Lines with "IFCPOLYGONALFACESET" in them are to be located in the listing below and copied.

--- DATA IN THIS EXERCISE ---

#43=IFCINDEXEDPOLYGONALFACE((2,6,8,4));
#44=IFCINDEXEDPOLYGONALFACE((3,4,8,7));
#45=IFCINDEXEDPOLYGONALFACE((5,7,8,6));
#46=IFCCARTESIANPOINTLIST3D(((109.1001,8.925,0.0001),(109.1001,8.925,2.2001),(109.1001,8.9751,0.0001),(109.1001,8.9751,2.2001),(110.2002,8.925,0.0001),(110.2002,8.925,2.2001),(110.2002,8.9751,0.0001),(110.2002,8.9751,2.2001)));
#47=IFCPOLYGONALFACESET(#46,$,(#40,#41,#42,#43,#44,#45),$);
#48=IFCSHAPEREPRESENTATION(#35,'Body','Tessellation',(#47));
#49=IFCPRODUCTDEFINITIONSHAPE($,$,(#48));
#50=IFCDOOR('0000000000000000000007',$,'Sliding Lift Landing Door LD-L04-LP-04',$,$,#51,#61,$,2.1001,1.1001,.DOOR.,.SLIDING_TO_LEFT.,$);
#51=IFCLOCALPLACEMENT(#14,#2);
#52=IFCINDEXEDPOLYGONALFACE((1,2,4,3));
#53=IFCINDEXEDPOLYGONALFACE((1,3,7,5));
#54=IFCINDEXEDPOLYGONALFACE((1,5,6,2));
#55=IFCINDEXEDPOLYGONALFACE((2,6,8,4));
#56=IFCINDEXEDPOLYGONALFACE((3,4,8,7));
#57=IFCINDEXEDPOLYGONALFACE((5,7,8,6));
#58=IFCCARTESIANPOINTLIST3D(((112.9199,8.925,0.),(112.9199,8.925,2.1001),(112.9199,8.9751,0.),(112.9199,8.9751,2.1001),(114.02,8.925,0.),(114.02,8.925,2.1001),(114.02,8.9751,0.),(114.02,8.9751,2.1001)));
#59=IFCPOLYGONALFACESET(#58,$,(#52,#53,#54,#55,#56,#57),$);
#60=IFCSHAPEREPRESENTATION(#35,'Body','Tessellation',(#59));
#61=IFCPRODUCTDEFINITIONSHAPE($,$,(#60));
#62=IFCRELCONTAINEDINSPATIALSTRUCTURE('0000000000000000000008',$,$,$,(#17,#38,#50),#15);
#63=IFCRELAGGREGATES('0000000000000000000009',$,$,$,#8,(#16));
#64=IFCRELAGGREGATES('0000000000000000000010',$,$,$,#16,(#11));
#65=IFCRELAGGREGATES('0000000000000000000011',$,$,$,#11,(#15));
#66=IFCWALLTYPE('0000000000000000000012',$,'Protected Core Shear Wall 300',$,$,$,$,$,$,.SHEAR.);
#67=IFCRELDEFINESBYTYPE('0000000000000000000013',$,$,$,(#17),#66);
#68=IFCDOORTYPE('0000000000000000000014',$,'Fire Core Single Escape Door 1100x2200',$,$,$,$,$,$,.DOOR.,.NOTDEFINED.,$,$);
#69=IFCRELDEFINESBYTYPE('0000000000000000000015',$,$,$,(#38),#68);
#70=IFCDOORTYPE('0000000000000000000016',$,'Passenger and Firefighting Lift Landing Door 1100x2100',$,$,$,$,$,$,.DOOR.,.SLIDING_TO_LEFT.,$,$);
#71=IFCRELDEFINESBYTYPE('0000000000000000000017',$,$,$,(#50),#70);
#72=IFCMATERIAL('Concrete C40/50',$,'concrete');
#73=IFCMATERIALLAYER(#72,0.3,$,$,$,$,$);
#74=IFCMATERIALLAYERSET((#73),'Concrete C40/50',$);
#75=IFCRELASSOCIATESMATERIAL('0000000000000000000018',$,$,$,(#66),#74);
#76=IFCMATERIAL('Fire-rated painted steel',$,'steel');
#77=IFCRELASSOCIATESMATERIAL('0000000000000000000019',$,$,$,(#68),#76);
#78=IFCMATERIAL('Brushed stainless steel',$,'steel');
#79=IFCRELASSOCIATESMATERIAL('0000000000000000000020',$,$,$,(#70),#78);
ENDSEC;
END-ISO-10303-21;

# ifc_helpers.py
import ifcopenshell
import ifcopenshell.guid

---

■ PROBLEM SOLUTION ■
#47=IFCPOLYGONALFACESET(#46,$,(#40,#41,#42,#43,#44,#45),$);
#59=IFCPOLYGONALFACESET(#58,$,(#52,#53,#54,#55,#56,#57),$);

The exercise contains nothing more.